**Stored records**
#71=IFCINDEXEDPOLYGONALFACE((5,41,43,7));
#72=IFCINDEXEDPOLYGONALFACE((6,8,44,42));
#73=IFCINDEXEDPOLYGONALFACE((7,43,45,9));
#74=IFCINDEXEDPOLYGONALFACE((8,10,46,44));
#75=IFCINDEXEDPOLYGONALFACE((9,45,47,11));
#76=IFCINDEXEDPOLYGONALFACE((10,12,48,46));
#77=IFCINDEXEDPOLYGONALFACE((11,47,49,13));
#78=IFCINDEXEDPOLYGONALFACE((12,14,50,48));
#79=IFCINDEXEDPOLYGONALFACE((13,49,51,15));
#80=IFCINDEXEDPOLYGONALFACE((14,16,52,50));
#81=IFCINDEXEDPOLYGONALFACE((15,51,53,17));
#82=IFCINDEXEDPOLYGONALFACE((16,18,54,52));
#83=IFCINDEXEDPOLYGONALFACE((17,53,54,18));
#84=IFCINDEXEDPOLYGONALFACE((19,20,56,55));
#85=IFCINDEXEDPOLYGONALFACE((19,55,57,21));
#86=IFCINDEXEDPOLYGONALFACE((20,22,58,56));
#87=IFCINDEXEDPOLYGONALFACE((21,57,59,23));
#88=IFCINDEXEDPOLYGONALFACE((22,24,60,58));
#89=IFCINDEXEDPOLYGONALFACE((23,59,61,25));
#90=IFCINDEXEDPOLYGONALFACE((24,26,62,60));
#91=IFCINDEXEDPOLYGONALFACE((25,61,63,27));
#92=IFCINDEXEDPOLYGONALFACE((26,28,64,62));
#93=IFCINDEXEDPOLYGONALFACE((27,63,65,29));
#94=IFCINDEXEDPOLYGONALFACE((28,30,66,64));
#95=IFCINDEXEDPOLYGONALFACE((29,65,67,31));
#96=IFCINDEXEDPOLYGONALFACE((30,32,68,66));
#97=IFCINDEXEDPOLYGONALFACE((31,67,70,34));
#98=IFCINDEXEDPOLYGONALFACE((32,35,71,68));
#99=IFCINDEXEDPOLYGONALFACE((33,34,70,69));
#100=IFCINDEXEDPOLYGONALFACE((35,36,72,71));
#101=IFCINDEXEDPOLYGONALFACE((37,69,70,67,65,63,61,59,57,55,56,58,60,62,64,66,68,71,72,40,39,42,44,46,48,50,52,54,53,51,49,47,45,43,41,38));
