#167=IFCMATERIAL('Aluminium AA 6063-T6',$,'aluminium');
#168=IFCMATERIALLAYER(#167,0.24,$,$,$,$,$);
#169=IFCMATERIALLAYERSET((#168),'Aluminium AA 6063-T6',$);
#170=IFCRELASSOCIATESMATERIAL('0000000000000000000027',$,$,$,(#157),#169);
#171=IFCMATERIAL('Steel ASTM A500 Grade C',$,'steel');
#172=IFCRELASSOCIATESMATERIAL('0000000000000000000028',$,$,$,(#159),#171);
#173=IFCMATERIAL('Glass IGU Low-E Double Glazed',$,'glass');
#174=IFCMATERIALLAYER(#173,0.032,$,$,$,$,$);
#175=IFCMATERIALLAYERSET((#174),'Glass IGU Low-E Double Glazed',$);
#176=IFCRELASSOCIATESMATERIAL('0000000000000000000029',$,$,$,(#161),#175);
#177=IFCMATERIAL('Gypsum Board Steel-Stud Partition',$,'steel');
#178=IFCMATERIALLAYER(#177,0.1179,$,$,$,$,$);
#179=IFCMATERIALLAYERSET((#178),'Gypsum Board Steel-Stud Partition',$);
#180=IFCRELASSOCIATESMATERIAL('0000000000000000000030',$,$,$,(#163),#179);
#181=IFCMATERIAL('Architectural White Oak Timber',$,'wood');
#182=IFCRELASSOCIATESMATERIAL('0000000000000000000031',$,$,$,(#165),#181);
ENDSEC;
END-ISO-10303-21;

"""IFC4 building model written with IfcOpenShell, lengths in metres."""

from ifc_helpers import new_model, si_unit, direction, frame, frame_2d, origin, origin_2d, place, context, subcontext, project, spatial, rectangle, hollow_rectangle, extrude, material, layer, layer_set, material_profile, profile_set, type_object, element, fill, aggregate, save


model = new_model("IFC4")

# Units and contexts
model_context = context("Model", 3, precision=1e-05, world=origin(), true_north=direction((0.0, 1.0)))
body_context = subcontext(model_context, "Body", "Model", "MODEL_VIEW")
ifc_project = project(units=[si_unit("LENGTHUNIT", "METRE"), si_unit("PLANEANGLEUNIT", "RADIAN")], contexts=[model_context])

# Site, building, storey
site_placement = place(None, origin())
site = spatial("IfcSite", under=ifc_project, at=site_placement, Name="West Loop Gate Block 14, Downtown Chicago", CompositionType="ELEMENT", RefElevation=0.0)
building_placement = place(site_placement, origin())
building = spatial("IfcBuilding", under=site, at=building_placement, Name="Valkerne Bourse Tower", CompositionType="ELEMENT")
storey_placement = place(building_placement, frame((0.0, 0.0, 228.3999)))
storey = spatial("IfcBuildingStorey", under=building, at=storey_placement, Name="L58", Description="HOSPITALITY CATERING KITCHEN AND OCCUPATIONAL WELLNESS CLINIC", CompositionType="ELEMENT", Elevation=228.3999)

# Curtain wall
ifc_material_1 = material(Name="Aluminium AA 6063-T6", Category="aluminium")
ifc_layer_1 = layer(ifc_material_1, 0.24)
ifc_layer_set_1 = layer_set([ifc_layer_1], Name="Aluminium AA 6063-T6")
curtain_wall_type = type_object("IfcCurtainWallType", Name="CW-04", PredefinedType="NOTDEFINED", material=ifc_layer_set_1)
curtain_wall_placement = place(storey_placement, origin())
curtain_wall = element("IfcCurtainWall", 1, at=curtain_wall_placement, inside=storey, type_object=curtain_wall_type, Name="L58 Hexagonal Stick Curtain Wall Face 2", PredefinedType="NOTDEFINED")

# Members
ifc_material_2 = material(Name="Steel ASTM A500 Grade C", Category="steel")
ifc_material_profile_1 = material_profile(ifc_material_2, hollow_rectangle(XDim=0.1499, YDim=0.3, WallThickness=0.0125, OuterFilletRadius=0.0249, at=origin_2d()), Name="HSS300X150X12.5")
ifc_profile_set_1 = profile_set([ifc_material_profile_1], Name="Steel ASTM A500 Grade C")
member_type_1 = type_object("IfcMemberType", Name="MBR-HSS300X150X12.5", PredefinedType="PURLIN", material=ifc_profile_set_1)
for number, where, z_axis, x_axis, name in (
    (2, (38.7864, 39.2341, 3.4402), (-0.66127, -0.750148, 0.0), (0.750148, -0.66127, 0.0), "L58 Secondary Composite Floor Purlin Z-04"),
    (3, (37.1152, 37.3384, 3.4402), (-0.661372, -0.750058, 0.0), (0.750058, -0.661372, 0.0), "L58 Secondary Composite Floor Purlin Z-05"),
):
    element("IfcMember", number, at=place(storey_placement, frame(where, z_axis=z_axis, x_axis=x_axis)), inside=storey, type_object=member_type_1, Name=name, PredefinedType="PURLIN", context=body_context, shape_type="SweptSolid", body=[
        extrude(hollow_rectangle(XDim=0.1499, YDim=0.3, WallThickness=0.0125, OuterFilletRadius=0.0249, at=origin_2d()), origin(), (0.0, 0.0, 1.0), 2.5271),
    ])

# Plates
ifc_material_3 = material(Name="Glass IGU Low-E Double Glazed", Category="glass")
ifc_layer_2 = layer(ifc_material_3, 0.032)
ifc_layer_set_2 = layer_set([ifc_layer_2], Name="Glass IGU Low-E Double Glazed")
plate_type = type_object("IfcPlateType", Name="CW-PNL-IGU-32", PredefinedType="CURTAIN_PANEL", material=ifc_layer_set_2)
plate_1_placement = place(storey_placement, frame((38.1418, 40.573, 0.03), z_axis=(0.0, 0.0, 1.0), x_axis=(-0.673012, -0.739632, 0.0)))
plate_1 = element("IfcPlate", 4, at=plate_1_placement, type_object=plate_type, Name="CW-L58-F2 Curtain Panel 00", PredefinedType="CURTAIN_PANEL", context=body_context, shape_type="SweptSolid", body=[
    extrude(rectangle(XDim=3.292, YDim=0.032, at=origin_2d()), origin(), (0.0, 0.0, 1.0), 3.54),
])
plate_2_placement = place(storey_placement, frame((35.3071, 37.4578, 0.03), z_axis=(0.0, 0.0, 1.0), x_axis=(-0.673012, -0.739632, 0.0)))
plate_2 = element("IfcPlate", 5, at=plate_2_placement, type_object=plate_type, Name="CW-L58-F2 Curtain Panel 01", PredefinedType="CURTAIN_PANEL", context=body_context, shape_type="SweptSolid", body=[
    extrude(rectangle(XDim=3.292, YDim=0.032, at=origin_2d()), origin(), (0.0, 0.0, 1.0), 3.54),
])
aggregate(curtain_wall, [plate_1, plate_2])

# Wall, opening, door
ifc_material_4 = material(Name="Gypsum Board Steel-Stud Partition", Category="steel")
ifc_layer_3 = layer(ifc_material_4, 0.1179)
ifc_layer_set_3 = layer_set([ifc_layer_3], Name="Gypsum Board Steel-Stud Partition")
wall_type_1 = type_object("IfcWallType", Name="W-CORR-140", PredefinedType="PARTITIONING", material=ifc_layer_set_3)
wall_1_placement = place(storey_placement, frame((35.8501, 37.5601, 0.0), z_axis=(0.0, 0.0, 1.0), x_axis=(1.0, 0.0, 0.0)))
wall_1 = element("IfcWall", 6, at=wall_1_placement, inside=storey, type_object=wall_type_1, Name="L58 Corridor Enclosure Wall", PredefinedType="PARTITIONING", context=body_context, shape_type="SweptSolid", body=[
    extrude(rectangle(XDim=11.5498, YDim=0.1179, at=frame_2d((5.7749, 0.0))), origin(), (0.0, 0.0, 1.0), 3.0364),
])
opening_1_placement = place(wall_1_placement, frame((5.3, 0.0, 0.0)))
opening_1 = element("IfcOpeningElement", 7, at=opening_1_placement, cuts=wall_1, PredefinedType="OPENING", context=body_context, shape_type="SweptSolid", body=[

**Task brief**
Keeping every character as it is, restate the lines above that run from the line with "ifc_layer_2 = layer(ifc_material_3, 0.032)" through the line with "x_axis=(1.0, 0.0, 0.0)))", both included, and nothing else.

**Output**
ifc_layer_2 = layer(ifc_material_3, 0.032)
ifc_layer_set_2 = layer_set([ifc_layer_2], Name="Glass IGU Low-E Double Glazed")
plate_type = type_object("IfcPlateType", Name="CW-PNL-IGU-32", PredefinedType="CURTAIN_PANEL", material=ifc_layer_set_2)
plate_1_placement = place(storey_placement, frame((38.1418, 40.573, 0.03), z_axis=(0.0, 0.0, 1.0), x_axis=(-0.673012, -0.739632, 0.0)))
plate_1 = element("IfcPlate", 4, at=plate_1_placement, type_object=plate_type, Name="CW-L58-F2 Curtain Panel 00", PredefinedType="CURTAIN_PANEL", context=body_context, shape_type="SweptSolid", body=[
    extrude(rectangle(XDim=3.292, YDim=0.032, at=origin_2d()), origin(), (0.0, 0.0, 1.0), 3.54),
])
plate_2_placement = place(storey_placement, frame((35.3071, 37.4578, 0.03), z_axis=(0.0, 0.0, 1.0), x_axis=(-0.673012, -0.739632, 0.0)))
plate_2 = element("IfcPlate", 5, at=plate_2_placement, type_object=plate_type, Name="CW-L58-F2 Curtain Panel 01", PredefinedType="CURTAIN_PANEL", context=body_context, shape_type="SweptSolid", body=[
    extrude(rectangle(XDim=3.292, YDim=0.032, at=origin_2d()), origin(), (0.0, 0.0, 1.0), 3.54),
])
aggregate(curtain_wall, [plate_1, plate_2])

# Wall, opening, door
ifc_material_4 = material(Name="Gypsum Board Steel-Stud Partition", Category="steel")
ifc_layer_3 = layer(ifc_material_4, 0.1179)
ifc_layer_set_3 = layer_set([ifc_layer_3], Name="Gypsum Board Steel-Stud Partition")
wall_type_1 = type_object("IfcWallType", Name="W-CORR-140", PredefinedType="PARTITIONING", material=ifc_layer_set_3)
wall_1_placement = place(storey_placement, frame((35.8501, 37.5601, 0.0), z_axis=(0.0, 0.0, 1.0), x_axis=(1.0, 0.0, 0.0)))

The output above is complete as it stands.